_What you will do:_ Reproduce the entries exactly.

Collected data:
__________

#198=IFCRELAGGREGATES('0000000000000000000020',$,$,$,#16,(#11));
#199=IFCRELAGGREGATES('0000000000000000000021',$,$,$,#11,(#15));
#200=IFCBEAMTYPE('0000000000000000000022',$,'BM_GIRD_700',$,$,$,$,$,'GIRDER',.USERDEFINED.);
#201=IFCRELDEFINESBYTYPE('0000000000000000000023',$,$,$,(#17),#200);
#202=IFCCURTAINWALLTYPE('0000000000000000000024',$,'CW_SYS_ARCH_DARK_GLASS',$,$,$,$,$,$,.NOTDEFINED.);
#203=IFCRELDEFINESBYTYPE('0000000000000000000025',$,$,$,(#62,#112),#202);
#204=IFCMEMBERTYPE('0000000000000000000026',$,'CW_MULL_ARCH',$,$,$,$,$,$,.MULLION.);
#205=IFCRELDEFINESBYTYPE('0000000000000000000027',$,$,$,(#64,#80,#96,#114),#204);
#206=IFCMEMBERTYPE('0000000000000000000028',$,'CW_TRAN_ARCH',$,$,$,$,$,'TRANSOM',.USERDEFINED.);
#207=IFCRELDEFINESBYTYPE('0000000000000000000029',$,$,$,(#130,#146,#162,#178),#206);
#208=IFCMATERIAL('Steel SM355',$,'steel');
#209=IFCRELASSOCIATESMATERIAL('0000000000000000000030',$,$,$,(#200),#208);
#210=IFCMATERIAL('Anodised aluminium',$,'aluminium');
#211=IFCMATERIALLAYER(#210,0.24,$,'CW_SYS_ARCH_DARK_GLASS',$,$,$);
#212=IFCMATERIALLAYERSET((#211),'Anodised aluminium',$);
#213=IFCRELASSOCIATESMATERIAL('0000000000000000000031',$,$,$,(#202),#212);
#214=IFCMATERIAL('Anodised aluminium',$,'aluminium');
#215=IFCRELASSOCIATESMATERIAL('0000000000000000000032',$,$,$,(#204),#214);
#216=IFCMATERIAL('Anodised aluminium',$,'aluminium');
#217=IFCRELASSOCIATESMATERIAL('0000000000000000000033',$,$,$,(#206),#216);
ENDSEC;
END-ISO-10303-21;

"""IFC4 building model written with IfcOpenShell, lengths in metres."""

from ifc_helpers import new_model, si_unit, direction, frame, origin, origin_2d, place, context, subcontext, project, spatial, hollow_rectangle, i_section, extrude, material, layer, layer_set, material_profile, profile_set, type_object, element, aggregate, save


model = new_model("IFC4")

__________

_Result of this exercise:_
#198=IFCRELAGGREGATES('0000000000000000000020',$,$,$,#16,(#11));
#199=IFCRELAGGREGATES('0000000000000000000021',$,$,$,#11,(#15));
#200=IFCBEAMTYPE('0000000000000000000022',$,'BM_GIRD_700',$,$,$,$,$,'GIRDER',.USERDEFINED.);
#201=IFCRELDEFINESBYTYPE('0000000000000000000023',$,$,$,(#17),#200);
#202=IFCCURTAINWALLTYPE('0000000000000000000024',$,'CW_SYS_ARCH_DARK_GLASS',$,$,$,$,$,$,.NOTDEFINED.);
#203=IFCRELDEFINESBYTYPE('0000000000000000000025',$,$,$,(#62,#112),#202);
#204=IFCMEMBERTYPE('0000000000000000000026',$,'CW_MULL_ARCH',$,$,$,$,$,$,.MULLION.);
#205=IFCRELDEFINESBYTYPE('0000000000000000000027',$,$,$,(#64,#80,#96,#114),#204);
#206=IFCMEMBERTYPE('0000000000000000000028',$,'CW_TRAN_ARCH',$,$,$,$,$,'TRANSOM',.USERDEFINED.);
#207=IFCRELDEFINESBYTYPE('0000000000000000000029',$,$,$,(#130,#146,#162,#178),#206);
#208=IFCMATERIAL('Steel SM355',$,'steel');
#209=IFCRELASSOCIATESMATERIAL('0000000000000000000030',$,$,$,(#200),#208);
#210=IFCMATERIAL('Anodised aluminium',$,'aluminium');
#211=IFCMATERIALLAYER(#210,0.24,$,'CW_SYS_ARCH_DARK_GLASS',$,$,$);
#212=IFCMATERIALLAYERSET((#211),'Anodised aluminium',$);
#213=IFCRELASSOCIATESMATERIAL('0000000000000000000031',$,$,$,(#202),#212);
#214=IFCMATERIAL('Anodised aluminium',$,'aluminium');
#215=IFCRELASSOCIATESMATERIAL('0000000000000000000032',$,$,$,(#204),#214);
#216=IFCMATERIAL('Anodised aluminium',$,'aluminium');
#217=IFCRELASSOCIATESMATERIAL('0000000000000000000033',$,$,$,(#206),#216);
ENDSEC;
END-ISO-10303-21;

"""IFC4 building model written with IfcOpenShell, lengths in metres."""

from ifc_helpers import new_model, si_unit, direction, frame, origin, origin_2d, place, context, subcontext, project, spatial, hollow_rectangle, i_section, extrude, material, layer, layer_set, material_profile, profile_set, type_object, element, aggregate, save


model = new_model("IFC4")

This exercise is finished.